> **RECORDS**
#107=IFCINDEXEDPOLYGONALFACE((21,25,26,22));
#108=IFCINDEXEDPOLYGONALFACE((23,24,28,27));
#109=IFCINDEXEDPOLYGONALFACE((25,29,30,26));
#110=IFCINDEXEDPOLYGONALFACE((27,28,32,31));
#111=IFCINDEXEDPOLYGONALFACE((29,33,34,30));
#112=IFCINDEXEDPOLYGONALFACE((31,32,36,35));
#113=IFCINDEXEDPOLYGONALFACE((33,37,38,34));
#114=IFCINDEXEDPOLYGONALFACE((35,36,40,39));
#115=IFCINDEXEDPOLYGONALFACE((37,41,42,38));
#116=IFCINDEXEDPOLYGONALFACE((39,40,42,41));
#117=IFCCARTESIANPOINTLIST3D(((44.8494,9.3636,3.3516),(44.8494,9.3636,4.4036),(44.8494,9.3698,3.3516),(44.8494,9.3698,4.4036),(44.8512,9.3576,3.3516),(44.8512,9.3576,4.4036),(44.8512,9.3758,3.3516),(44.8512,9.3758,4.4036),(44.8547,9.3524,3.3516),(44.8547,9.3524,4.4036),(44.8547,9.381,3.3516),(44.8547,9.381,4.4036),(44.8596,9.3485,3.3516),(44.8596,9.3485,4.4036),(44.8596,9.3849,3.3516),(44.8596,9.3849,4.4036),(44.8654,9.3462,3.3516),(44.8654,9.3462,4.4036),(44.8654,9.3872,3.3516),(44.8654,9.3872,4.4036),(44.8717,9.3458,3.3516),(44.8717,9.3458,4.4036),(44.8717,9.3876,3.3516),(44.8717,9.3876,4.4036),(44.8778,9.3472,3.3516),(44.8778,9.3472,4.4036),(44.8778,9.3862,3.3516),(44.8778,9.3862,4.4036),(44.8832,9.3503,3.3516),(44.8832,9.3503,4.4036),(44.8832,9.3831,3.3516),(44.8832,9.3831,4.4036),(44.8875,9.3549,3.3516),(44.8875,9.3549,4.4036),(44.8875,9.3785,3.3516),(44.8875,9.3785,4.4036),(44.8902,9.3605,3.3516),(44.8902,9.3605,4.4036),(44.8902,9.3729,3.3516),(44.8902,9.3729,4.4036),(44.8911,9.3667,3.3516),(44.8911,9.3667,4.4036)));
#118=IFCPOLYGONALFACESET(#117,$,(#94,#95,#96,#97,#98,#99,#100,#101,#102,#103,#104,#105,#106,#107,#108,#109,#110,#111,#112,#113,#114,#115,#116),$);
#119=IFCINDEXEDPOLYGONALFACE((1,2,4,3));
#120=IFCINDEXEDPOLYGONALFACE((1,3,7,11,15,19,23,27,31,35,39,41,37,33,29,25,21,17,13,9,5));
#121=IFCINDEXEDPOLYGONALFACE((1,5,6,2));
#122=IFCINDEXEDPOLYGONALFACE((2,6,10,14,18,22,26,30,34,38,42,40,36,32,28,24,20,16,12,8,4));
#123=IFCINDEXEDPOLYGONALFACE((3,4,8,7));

...

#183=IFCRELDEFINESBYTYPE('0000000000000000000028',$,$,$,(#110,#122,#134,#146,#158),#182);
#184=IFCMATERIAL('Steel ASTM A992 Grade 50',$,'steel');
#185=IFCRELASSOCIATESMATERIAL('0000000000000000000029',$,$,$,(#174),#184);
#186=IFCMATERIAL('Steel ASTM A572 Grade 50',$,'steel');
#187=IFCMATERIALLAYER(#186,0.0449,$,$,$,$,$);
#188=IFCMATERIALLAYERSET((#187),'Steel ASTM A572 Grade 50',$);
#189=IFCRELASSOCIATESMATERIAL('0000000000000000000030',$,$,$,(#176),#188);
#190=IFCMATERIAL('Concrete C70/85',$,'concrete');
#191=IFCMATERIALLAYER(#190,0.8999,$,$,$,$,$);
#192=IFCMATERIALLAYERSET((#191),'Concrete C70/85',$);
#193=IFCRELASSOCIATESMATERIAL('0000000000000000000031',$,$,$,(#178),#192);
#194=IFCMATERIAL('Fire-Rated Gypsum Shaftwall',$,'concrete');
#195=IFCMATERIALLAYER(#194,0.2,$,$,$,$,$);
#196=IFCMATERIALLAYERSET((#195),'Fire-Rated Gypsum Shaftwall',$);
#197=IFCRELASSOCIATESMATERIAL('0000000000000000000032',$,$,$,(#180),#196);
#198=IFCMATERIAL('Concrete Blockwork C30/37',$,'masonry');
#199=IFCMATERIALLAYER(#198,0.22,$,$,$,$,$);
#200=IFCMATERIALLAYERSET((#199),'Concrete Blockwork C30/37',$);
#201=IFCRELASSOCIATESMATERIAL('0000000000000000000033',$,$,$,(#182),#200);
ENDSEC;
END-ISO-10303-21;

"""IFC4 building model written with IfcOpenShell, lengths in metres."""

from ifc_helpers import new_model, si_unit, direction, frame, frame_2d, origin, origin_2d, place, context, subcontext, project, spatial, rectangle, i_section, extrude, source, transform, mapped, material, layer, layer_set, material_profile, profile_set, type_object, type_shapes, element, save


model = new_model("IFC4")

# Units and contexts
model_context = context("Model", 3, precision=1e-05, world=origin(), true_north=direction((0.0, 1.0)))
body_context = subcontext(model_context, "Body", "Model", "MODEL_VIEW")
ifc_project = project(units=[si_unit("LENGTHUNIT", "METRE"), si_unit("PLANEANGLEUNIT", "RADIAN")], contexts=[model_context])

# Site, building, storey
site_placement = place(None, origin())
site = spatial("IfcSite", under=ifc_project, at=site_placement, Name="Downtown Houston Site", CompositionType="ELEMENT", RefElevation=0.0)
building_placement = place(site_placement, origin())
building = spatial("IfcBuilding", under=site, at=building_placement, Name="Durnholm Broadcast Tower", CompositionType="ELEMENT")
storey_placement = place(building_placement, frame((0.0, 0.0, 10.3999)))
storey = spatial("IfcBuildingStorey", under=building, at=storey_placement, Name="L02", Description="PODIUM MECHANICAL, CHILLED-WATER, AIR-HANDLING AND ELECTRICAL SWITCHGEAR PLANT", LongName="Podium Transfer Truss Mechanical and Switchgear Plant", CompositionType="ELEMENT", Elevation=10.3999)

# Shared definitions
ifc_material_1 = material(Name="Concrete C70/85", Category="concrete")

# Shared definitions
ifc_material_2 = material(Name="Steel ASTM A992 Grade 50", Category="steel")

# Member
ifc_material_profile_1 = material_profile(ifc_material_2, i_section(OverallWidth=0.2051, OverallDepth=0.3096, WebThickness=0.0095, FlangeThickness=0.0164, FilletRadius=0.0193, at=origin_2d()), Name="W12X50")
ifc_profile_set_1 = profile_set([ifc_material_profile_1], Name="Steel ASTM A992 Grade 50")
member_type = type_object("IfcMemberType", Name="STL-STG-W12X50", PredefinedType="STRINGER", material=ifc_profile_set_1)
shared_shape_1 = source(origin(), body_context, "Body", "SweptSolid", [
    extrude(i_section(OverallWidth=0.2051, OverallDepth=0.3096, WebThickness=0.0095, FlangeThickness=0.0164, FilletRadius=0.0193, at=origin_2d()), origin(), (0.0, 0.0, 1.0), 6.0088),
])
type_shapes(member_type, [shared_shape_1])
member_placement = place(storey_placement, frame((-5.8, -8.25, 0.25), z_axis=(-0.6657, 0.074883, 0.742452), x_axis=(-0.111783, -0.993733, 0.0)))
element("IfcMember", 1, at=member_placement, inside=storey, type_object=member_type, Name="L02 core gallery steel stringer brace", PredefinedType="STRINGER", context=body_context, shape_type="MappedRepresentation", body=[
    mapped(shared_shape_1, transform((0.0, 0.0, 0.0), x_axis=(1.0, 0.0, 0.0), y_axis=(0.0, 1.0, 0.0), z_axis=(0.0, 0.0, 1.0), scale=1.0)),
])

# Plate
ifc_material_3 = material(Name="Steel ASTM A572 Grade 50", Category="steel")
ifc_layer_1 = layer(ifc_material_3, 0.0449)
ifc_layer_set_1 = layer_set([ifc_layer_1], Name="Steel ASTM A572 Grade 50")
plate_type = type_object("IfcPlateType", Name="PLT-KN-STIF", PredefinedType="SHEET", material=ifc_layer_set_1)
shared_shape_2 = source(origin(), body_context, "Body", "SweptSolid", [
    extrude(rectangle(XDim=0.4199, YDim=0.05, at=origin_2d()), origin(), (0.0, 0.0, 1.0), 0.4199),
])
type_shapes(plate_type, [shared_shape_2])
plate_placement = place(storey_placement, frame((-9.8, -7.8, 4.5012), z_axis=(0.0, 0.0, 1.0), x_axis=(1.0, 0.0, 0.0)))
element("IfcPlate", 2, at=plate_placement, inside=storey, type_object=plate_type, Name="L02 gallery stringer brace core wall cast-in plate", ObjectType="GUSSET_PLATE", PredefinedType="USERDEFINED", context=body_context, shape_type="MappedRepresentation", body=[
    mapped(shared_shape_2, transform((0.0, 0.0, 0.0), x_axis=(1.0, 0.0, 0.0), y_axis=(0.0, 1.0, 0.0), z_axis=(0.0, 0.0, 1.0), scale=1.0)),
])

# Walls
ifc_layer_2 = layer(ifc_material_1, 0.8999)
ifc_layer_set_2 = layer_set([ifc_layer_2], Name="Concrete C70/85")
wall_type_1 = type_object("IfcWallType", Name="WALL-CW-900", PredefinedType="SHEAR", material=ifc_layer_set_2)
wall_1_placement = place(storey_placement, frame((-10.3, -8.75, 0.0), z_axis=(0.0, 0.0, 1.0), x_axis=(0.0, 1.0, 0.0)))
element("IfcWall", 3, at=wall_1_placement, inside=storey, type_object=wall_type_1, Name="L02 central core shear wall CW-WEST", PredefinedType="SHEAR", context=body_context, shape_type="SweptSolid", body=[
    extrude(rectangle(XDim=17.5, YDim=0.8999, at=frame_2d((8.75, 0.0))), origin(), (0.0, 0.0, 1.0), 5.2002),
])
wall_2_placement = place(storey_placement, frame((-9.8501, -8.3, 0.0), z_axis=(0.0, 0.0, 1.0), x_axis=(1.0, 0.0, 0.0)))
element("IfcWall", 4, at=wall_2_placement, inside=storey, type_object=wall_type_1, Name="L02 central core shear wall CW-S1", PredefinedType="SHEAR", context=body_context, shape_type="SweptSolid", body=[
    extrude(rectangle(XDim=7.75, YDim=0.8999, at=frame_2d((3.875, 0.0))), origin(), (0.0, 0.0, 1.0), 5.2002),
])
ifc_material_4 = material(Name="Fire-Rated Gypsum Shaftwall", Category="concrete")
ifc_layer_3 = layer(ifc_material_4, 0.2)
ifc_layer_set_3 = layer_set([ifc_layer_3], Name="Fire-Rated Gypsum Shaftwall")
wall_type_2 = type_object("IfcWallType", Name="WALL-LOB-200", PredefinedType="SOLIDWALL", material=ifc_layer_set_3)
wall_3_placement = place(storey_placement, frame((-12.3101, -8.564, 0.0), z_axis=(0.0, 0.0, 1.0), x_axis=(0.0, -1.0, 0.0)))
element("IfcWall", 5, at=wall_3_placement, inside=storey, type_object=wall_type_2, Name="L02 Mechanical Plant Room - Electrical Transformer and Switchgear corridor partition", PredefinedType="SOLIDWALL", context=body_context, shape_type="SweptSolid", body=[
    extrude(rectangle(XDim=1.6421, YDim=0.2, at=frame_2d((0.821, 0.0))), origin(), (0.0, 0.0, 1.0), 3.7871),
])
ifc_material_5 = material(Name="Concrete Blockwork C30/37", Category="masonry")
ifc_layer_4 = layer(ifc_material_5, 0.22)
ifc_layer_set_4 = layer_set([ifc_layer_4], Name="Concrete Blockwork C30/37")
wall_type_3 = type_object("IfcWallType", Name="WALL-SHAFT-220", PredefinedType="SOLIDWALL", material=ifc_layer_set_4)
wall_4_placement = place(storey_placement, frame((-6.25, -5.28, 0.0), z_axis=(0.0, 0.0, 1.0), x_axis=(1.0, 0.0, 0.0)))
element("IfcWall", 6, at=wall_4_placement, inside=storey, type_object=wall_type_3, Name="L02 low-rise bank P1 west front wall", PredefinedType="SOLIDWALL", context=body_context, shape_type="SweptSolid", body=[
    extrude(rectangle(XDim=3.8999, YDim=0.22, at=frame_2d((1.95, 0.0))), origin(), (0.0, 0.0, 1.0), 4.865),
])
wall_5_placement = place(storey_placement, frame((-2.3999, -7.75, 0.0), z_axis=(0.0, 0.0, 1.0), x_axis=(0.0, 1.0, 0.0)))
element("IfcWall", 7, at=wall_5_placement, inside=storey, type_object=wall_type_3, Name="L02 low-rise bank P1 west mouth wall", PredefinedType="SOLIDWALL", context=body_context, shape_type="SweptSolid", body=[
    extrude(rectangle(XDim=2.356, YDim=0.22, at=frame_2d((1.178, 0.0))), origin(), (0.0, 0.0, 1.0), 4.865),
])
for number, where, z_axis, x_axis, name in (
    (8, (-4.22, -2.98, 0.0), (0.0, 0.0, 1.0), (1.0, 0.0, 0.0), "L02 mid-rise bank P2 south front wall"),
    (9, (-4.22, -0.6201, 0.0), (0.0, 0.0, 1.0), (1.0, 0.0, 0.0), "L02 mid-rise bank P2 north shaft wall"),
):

---

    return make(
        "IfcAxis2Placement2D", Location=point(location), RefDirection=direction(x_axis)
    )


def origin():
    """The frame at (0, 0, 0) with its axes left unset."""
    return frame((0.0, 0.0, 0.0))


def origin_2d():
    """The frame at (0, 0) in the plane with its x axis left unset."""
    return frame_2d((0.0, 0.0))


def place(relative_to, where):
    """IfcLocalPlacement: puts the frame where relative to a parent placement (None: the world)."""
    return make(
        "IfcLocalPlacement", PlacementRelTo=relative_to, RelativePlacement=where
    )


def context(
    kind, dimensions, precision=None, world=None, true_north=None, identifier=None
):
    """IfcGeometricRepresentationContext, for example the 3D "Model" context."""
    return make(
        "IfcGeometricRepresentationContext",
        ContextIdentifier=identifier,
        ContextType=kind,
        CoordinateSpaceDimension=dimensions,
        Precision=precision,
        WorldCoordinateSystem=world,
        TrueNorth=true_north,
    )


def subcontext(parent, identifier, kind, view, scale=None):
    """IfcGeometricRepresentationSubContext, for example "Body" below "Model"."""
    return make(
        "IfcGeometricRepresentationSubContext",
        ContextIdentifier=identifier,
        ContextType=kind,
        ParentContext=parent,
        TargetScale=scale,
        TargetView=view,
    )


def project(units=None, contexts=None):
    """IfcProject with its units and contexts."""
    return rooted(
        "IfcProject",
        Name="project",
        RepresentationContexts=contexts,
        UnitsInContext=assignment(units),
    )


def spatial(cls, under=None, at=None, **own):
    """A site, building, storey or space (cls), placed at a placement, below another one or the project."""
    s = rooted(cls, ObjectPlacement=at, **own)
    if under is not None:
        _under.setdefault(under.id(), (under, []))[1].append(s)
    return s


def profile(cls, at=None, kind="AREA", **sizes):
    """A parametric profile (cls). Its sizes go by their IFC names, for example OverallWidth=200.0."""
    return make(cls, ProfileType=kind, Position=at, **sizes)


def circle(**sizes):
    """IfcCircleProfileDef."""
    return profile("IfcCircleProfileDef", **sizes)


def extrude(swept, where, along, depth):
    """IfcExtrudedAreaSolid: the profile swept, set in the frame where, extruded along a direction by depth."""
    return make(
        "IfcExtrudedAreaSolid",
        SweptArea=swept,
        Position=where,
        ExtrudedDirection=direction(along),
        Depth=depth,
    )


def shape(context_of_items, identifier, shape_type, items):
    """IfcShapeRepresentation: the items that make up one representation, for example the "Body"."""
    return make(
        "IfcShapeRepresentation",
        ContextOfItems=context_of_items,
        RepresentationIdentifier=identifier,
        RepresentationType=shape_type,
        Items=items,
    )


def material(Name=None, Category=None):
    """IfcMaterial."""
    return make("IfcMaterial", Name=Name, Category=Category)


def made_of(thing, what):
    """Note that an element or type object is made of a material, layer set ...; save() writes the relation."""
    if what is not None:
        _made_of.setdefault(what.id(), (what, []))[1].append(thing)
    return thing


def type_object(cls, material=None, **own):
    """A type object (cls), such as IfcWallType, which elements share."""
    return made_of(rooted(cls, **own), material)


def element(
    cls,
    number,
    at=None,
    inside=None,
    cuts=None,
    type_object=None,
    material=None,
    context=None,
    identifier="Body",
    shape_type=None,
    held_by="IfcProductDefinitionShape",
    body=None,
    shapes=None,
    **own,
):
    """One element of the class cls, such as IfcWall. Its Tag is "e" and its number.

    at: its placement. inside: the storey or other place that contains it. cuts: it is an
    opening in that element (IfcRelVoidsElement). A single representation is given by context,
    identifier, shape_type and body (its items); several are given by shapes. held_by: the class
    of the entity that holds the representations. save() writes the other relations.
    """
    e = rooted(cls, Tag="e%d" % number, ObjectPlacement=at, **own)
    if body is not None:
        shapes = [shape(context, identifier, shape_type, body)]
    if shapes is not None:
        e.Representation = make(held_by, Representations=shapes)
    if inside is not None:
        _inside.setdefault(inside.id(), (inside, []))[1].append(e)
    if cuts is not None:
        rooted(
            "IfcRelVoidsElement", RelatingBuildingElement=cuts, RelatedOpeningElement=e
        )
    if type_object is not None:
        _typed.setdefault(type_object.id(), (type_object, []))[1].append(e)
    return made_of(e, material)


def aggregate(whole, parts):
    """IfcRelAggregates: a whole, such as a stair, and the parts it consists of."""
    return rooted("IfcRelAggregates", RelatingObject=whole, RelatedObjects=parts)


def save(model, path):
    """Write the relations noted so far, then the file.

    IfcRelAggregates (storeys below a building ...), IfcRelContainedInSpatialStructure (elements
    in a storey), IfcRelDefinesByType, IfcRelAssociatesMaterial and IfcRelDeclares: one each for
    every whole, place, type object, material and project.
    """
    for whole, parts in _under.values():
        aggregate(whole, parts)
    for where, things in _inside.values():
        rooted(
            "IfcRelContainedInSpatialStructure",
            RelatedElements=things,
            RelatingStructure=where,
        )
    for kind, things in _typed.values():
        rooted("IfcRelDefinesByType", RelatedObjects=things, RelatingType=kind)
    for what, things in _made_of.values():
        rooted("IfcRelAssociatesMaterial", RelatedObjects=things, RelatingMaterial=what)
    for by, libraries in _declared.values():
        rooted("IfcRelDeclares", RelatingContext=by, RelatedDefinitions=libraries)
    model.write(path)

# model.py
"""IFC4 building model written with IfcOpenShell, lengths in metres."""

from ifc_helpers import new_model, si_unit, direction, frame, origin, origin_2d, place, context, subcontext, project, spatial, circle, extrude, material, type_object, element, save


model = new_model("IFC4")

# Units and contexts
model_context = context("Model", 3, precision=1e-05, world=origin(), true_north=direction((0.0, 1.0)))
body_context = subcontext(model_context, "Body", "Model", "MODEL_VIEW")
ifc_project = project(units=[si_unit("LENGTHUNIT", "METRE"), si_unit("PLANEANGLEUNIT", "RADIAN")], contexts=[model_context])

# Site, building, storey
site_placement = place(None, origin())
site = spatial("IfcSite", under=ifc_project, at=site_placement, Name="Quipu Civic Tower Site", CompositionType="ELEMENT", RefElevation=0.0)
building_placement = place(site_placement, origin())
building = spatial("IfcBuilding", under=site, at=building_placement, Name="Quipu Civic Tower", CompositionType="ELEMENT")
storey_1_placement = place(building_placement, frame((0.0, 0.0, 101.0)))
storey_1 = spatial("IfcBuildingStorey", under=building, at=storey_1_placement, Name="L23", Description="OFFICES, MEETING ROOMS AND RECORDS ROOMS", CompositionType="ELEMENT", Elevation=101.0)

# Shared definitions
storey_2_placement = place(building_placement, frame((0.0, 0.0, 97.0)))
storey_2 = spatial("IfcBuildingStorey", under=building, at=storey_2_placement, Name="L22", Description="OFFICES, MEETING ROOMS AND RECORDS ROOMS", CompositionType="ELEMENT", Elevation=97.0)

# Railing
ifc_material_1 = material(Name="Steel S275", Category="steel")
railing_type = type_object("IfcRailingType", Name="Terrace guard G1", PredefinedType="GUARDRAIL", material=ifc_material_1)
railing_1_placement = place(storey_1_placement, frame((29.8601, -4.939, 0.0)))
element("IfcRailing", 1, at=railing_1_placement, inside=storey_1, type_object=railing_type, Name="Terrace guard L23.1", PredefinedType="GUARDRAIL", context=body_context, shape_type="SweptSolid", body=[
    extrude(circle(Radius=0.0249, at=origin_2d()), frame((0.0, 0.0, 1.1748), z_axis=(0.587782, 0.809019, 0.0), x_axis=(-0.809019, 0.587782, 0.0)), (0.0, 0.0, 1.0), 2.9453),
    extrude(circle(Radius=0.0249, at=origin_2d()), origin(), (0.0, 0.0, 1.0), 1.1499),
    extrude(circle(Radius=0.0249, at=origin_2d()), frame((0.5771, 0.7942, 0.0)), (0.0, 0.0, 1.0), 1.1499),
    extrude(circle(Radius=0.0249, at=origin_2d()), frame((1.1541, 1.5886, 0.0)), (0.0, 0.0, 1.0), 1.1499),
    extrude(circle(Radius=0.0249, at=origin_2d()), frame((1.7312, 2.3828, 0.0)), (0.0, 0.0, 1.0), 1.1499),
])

> **TASK GOAL**
Only lines holding the word "direction" belong in the answer; copy each one from the material.

> **YOUR RESPONSE**
from ifc_helpers import new_model, si_unit, direction, frame, frame_2d, origin, origin_2d, place, context, subcontext, project, spatial, rectangle, i_section, extrude, source, transform, mapped, material, layer, layer_set, material_profile, profile_set, type_object, type_shapes, element, save
model_context = context("Model", 3, precision=1e-05, world=origin(), true_north=direction((0.0, 1.0)))
        "IfcAxis2Placement2D", Location=point(location), RefDirection=direction(x_axis)
    """IfcExtrudedAreaSolid: the profile swept, set in the frame where, extruded along a direction by depth."""
        ExtrudedDirection=direction(along),
from ifc_helpers import new_model, si_unit, direction, frame, origin, origin_2d, place, context, subcontext, project, spatial, circle, extrude, material, type_object, element, save
model_context = context("Model", 3, precision=1e-05, world=origin(), true_north=direction((0.0, 1.0)))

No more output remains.